*TRY IT*.
Below is a listing. Write out exactly its lines between the one holding "#2=IFCAXIS2PLACEMENT3D(#1,$,$);" and the one holding "#10=IFCLOCALPLACEMENT(#9,#2);", inclusive.

*DATA SUPPLIED*.
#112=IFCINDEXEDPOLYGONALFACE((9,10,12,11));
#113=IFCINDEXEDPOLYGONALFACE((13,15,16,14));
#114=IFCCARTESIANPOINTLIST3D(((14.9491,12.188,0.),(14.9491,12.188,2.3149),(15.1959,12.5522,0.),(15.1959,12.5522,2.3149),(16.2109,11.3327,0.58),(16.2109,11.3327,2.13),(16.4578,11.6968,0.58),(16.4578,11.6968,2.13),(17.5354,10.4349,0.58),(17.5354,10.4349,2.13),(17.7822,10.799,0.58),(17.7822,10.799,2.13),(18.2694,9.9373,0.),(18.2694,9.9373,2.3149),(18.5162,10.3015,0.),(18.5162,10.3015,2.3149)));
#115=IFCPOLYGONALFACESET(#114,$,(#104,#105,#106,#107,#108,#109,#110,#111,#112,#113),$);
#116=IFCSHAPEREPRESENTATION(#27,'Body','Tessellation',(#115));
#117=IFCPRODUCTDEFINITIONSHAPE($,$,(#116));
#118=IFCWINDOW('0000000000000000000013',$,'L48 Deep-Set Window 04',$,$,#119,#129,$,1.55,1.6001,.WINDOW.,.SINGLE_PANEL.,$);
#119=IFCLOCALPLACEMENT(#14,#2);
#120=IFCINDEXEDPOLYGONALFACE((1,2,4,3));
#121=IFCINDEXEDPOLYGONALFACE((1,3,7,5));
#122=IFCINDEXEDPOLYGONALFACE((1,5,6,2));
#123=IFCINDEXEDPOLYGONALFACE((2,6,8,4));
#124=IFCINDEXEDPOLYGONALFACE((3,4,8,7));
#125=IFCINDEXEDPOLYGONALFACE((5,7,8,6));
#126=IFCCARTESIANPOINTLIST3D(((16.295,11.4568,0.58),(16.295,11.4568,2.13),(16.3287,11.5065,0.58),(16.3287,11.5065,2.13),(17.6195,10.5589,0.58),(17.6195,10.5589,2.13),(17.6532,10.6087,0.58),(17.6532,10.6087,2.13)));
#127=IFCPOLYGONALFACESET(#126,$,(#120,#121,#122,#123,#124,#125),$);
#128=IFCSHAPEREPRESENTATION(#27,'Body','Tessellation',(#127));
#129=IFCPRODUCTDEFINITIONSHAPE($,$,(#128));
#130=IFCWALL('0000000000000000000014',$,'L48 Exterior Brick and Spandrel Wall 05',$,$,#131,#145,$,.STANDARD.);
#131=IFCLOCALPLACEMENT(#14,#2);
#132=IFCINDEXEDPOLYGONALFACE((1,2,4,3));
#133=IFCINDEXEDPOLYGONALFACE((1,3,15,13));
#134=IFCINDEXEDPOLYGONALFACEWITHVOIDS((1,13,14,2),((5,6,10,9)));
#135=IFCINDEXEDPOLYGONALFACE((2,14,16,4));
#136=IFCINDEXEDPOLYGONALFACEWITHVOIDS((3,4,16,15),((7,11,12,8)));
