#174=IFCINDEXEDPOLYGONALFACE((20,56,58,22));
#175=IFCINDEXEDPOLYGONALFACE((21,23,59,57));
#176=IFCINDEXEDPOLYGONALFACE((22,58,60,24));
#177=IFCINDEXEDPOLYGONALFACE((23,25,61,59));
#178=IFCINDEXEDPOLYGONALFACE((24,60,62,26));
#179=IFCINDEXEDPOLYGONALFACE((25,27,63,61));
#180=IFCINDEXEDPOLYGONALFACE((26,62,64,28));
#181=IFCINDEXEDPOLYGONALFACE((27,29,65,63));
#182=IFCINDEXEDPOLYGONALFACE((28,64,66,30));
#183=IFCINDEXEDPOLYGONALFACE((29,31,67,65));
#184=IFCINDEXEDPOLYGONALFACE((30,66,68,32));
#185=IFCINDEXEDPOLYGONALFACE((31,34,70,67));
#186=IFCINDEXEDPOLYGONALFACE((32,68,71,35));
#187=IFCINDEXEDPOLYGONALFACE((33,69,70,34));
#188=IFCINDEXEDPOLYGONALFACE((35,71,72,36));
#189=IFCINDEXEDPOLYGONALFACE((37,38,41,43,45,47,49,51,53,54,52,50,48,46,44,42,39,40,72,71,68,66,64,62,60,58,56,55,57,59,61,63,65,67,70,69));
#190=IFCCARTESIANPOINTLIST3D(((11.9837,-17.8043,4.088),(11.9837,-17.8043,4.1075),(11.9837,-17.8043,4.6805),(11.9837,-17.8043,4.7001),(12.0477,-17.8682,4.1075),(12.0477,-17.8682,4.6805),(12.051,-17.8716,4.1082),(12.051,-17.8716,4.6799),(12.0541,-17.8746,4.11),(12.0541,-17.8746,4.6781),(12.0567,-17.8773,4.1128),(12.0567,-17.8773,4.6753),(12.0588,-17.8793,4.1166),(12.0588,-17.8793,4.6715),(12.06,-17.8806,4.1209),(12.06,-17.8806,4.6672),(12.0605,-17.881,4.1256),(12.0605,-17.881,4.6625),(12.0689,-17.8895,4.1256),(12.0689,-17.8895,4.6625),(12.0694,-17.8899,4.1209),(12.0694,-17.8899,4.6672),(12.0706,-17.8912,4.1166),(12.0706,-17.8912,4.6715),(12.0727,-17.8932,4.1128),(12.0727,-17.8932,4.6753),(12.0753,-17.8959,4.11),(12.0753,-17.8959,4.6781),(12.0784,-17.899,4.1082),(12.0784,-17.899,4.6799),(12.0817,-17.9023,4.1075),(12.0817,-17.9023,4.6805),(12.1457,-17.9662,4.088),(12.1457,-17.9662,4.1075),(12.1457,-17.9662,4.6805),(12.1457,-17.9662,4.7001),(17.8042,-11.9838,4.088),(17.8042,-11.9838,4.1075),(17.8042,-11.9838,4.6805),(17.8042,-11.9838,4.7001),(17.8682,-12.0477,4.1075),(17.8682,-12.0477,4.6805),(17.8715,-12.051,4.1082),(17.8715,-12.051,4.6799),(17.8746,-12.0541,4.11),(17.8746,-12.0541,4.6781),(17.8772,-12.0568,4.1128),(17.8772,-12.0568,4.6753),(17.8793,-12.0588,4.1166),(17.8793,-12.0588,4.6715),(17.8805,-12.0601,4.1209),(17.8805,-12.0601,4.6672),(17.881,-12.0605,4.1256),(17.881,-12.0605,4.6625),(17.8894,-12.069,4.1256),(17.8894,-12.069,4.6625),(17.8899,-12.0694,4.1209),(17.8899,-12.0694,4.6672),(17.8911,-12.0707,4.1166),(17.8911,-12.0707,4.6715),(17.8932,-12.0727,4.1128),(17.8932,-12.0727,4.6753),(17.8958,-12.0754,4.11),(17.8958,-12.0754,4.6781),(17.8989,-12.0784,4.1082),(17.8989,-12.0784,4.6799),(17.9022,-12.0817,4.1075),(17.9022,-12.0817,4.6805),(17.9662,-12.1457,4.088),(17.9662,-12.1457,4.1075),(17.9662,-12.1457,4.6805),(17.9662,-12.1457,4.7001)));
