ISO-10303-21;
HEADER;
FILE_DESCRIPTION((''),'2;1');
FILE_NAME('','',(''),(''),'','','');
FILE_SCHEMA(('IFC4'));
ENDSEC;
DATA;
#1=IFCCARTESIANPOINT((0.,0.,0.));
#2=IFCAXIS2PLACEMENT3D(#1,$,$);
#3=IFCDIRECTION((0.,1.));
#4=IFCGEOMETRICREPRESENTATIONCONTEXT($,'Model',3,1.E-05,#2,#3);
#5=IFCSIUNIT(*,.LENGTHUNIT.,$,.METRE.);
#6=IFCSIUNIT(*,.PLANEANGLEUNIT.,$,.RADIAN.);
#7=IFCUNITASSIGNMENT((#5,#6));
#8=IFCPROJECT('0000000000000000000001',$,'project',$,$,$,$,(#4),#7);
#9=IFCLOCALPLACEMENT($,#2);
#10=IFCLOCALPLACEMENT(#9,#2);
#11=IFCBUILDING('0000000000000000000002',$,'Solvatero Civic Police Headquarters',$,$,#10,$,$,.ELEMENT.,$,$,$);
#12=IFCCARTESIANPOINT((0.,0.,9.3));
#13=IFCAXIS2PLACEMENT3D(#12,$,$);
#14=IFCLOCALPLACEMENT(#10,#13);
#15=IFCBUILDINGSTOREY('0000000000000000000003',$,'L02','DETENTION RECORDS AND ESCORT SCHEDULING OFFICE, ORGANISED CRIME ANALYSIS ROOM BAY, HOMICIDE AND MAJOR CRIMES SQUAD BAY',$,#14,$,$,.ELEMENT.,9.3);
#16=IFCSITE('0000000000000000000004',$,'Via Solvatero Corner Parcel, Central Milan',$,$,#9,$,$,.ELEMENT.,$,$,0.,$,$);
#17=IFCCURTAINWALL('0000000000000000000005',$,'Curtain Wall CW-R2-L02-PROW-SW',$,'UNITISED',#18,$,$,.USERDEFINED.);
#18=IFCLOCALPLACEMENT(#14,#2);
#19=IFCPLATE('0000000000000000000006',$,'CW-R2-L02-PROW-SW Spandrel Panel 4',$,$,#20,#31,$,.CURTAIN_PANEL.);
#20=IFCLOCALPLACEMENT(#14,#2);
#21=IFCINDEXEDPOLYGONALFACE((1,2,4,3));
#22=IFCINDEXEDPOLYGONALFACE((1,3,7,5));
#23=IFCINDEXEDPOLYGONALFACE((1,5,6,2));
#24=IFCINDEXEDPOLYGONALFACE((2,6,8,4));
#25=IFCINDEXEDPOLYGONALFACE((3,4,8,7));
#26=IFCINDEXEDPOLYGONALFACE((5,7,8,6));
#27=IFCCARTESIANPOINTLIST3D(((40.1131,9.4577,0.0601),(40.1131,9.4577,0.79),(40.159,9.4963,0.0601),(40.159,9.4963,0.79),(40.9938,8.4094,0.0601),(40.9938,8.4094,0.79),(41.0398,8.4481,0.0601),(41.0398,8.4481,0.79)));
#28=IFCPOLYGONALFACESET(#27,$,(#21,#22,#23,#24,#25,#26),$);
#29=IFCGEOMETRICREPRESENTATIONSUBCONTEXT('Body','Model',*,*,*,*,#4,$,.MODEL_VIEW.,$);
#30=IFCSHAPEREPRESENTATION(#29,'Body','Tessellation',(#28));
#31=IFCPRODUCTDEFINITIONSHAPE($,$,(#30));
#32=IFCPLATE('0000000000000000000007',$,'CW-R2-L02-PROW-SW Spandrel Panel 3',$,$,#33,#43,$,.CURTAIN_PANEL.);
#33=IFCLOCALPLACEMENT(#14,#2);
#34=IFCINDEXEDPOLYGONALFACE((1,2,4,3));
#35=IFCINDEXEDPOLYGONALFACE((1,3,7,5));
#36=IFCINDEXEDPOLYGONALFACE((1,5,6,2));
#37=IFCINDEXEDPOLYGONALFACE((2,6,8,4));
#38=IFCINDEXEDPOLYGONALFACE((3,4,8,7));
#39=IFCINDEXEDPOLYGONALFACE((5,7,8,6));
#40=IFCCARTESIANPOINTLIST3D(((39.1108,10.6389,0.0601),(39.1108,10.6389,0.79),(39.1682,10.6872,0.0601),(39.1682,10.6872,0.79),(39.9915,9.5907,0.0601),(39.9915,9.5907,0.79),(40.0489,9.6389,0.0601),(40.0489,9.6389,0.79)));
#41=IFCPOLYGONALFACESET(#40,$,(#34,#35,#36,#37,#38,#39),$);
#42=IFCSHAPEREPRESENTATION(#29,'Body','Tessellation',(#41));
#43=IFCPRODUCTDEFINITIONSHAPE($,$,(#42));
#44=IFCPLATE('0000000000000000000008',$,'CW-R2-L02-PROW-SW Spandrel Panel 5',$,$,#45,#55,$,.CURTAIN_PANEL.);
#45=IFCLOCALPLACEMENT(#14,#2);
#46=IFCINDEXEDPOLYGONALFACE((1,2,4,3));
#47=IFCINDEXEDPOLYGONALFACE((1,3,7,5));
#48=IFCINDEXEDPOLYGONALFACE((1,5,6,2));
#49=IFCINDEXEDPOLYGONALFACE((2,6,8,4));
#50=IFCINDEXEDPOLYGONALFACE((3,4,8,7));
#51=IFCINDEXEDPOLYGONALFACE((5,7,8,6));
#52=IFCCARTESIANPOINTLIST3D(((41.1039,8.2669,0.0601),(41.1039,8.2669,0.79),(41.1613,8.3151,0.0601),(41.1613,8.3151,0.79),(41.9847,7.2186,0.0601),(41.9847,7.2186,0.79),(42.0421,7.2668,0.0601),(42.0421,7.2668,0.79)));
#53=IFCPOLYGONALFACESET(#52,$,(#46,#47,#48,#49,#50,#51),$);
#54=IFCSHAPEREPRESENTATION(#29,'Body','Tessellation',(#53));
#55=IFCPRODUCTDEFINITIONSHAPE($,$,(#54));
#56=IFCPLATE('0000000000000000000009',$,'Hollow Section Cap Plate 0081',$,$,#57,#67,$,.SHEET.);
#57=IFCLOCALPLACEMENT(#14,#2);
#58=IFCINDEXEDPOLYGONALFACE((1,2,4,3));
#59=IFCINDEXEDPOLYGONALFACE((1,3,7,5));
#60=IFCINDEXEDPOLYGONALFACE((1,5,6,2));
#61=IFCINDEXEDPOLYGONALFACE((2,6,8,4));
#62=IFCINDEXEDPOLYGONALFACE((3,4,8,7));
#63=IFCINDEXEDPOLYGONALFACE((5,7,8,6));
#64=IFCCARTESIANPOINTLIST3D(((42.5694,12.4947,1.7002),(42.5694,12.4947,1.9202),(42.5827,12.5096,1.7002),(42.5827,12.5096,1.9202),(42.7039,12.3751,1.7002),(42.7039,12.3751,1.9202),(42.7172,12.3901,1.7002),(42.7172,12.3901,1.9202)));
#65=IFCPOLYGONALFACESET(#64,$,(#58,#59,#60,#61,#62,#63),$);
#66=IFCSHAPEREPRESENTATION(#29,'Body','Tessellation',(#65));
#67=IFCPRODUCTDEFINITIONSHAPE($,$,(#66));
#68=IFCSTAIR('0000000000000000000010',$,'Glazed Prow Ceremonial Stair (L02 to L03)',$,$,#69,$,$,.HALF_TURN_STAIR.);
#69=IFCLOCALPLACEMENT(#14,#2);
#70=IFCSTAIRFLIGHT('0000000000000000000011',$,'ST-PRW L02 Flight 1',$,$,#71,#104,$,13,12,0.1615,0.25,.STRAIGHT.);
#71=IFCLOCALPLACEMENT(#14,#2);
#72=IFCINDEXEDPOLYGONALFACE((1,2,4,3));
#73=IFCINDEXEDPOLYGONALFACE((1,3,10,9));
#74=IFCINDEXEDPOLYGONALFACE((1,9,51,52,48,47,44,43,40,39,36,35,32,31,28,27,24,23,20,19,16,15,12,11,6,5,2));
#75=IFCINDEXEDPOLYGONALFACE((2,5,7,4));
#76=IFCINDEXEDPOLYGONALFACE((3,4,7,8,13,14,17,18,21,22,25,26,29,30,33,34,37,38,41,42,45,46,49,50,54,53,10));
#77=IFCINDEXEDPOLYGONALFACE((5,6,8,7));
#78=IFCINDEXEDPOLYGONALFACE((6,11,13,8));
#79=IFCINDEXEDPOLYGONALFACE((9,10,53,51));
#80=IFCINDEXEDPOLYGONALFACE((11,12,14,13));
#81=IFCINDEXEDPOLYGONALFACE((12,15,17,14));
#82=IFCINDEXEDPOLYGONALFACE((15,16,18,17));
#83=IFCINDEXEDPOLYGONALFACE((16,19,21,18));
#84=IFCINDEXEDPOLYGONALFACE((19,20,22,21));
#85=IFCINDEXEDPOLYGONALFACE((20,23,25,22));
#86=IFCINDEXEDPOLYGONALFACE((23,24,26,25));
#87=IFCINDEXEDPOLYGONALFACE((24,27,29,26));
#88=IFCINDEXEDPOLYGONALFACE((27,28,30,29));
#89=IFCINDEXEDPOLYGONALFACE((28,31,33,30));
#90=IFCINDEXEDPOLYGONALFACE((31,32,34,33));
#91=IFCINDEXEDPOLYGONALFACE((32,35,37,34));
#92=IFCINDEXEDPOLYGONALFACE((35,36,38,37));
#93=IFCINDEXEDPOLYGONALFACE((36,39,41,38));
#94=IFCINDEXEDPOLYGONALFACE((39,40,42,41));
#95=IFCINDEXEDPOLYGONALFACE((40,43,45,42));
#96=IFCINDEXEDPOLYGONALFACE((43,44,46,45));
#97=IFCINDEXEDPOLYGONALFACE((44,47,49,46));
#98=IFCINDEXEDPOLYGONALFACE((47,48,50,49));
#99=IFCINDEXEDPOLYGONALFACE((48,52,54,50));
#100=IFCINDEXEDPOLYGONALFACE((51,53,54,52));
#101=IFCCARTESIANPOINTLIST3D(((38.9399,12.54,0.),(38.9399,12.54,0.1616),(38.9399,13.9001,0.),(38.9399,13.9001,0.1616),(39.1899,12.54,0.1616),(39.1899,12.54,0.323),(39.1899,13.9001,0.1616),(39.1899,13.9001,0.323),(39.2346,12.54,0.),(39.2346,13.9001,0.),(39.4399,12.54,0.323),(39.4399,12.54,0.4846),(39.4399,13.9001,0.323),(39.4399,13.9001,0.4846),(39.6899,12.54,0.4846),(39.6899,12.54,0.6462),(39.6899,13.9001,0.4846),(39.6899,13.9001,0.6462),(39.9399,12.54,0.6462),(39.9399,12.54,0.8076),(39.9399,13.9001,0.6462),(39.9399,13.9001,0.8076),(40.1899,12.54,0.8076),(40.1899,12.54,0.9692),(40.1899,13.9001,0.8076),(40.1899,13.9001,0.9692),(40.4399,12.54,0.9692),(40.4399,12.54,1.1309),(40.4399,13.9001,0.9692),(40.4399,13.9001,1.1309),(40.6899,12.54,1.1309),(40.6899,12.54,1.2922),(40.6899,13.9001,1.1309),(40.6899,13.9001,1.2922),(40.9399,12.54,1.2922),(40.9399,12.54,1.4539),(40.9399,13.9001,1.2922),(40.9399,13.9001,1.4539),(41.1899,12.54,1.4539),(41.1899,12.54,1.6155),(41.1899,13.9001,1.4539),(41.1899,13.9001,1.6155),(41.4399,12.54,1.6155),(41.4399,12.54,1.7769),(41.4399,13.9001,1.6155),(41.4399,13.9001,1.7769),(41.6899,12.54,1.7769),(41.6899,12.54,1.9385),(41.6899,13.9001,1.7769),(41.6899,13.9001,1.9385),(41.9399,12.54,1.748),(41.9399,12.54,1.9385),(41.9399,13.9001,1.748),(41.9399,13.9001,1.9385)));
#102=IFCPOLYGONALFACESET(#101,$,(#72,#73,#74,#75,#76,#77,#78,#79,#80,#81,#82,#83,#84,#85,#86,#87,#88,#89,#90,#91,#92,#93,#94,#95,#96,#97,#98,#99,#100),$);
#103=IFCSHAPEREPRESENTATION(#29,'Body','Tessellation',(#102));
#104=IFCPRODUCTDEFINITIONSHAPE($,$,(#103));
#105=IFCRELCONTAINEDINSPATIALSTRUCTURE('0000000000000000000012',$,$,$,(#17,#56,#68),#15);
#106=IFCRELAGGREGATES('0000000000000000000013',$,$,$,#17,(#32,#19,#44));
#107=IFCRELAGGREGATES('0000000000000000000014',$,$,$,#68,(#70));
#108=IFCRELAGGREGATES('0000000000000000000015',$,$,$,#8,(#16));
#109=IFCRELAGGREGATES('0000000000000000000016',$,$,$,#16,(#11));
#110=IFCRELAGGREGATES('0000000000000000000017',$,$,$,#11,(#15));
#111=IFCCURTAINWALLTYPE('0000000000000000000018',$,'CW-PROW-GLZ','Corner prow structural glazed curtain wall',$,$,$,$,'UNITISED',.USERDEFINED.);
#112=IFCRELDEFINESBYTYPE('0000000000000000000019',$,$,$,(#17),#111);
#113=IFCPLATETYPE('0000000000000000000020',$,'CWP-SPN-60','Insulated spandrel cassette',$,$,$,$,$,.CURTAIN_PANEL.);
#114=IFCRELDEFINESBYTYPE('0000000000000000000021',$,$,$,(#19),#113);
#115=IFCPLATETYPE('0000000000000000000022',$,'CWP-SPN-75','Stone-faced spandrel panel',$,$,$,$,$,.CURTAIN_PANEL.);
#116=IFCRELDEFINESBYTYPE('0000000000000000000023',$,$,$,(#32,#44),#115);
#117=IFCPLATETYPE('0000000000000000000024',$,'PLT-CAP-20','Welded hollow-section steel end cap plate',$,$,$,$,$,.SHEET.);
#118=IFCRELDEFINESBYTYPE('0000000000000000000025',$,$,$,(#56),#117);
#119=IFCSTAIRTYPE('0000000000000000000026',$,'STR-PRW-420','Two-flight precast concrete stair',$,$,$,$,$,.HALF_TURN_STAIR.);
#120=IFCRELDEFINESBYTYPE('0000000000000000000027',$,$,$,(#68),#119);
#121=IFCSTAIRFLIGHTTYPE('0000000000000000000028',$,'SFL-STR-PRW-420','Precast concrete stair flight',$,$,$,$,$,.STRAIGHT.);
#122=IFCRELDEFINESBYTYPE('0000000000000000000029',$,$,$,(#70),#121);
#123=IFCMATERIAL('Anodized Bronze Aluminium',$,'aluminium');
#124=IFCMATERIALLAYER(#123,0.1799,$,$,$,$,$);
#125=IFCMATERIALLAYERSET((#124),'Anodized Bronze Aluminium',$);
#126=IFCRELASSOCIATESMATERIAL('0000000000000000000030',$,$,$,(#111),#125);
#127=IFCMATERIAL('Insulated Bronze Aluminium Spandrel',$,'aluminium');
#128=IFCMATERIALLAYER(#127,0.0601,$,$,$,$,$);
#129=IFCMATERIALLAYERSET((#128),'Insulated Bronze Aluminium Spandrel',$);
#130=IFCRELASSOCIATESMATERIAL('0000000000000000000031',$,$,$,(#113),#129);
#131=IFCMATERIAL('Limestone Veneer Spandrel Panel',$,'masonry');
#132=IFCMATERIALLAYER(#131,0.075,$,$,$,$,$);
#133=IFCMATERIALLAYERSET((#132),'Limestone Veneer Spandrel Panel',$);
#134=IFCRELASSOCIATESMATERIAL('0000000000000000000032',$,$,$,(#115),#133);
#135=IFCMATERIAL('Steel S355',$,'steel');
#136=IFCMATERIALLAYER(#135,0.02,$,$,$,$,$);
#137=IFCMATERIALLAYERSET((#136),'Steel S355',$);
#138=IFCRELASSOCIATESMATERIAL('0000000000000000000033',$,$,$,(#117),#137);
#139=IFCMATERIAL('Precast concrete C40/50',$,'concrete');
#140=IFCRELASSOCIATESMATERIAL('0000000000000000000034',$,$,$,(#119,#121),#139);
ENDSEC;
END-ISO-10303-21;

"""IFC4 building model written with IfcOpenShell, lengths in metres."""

from ifc_helpers import new_model, si_unit, direction, frame, origin, origin_2d, place, context, subcontext, project, spatial, polyline, rectangle, outline, extrude, material, layer, layer_set, type_object, element, aggregate, save


model = new_model("IFC4")

# Units and contexts
model_context = context("Model", 3, precision=1e-05, world=origin(), true_north=direction((0.0, 1.0)))
body_context = subcontext(model_context, "Body", "Model", "MODEL_VIEW")
ifc_project = project(units=[si_unit("LENGTHUNIT", "METRE"), si_unit("PLANEANGLEUNIT", "RADIAN")], contexts=[model_context])

# Site, building, storey
site_placement = place(None, origin())
site = spatial("IfcSite", under=ifc_project, at=site_placement, Name="Via Solvatero Corner Parcel, Central Milan", CompositionType="ELEMENT", RefElevation=0.0)
building_placement = place(site_placement, origin())
building = spatial("IfcBuilding", under=site, at=building_placement, Name="Solvatero Civic Police Headquarters", CompositionType="ELEMENT")
storey_placement = place(building_placement, frame((0.0, 0.0, 9.3)))
storey = spatial("IfcBuildingStorey", under=building, at=storey_placement, Name="L02", Description="DETENTION RECORDS AND ESCORT SCHEDULING OFFICE, ORGANISED CRIME ANALYSIS ROOM BAY, HOMICIDE AND MAJOR CRIMES SQUAD BAY", CompositionType="ELEMENT", Elevation=9.3)

# Shared definitions
ifc_material_1 = material(Name="Steel S355", Category="steel")

# Shared definitions
ifc_material_2 = material(Name="Anodized Bronze Aluminium", Category="aluminium")
ifc_layer_1 = layer(ifc_material_2, 0.1799)
ifc_layer_set_1 = layer_set([ifc_layer_1], Name="Anodized Bronze Aluminium")
curtain_wall_type = type_object("IfcCurtainWallType", Name="CW-PROW-GLZ", Description="Corner prow structural glazed curtain wall", ElementType="UNITISED", PredefinedType="USERDEFINED", material=ifc_layer_set_1)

*WRITTEN SOLUTION*.
#2=IFCAXIS2PLACEMENT3D(#1,$,$);
#3=IFCDIRECTION((0.,1.));
#4=IFCGEOMETRICREPRESENTATIONCONTEXT($,'Model',3,1.E-05,#2,#3);
#5=IFCSIUNIT(*,.LENGTHUNIT.,$,.METRE.);
#6=IFCSIUNIT(*,.PLANEANGLEUNIT.,$,.RADIAN.);
#7=IFCUNITASSIGNMENT((#5,#6));
#8=IFCPROJECT('0000000000000000000001',$,'project',$,$,$,$,(#4),#7);
#9=IFCLOCALPLACEMENT($,#2);
#10=IFCLOCALPLACEMENT(#9,#2);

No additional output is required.